• _ABOUT THIS TASK_
Please return every line below that contains the string "IfcRelAssociatesMaterial".

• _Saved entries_

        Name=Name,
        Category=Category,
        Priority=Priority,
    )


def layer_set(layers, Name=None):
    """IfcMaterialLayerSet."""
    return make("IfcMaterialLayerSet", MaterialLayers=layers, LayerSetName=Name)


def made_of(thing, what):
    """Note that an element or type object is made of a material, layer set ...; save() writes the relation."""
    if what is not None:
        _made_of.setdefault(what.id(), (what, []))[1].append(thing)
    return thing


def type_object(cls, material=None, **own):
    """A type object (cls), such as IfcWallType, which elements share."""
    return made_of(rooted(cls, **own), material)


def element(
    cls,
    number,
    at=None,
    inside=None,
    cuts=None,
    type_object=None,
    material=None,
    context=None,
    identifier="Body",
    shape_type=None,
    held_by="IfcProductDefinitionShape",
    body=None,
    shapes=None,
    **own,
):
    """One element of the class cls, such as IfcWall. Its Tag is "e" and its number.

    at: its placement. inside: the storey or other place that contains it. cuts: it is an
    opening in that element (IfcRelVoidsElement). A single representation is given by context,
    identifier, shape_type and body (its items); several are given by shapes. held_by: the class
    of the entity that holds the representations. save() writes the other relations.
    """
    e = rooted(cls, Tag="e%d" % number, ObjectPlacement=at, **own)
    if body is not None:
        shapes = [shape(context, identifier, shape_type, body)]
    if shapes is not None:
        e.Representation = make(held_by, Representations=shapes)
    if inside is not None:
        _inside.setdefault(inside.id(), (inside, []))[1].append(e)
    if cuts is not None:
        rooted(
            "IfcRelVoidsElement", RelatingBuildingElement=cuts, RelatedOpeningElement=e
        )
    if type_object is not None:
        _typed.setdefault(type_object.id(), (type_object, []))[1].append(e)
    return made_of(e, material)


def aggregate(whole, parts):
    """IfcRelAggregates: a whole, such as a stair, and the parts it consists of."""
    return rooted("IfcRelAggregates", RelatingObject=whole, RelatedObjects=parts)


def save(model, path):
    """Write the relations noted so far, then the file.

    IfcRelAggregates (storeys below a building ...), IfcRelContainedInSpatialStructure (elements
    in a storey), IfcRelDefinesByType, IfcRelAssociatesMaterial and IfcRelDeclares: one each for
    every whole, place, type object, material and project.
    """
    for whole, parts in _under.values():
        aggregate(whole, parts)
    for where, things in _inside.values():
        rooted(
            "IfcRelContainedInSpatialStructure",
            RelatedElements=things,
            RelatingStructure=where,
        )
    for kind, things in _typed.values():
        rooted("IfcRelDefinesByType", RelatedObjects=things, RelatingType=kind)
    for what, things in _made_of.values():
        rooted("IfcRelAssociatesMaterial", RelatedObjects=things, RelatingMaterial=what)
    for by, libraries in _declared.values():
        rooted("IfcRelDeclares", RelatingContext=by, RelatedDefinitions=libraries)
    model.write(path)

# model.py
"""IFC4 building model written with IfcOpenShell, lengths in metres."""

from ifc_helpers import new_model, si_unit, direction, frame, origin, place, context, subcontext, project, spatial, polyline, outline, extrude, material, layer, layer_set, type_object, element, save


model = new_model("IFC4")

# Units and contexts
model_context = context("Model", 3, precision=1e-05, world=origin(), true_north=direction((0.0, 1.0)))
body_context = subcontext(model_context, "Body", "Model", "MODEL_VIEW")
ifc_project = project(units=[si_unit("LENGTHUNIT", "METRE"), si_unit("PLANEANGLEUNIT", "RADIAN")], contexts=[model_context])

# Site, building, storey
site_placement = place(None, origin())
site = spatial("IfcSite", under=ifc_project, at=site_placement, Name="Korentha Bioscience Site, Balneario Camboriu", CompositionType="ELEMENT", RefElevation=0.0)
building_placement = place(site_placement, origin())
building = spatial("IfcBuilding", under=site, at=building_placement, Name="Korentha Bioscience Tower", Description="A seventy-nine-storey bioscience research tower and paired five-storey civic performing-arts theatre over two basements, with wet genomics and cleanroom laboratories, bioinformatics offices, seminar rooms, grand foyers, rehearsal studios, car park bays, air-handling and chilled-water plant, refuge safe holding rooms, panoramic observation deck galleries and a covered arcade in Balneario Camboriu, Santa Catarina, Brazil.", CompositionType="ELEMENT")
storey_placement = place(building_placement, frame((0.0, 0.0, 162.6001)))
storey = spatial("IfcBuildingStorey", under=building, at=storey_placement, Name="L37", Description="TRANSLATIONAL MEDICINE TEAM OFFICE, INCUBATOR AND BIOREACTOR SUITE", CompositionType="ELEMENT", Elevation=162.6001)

• _REPLY_
    in a storey), IfcRelDefinesByType, IfcRelAssociatesMaterial and IfcRelDeclares: one each for
        rooted("IfcRelAssociatesMaterial", RelatedObjects=things, RelatingMaterial=what)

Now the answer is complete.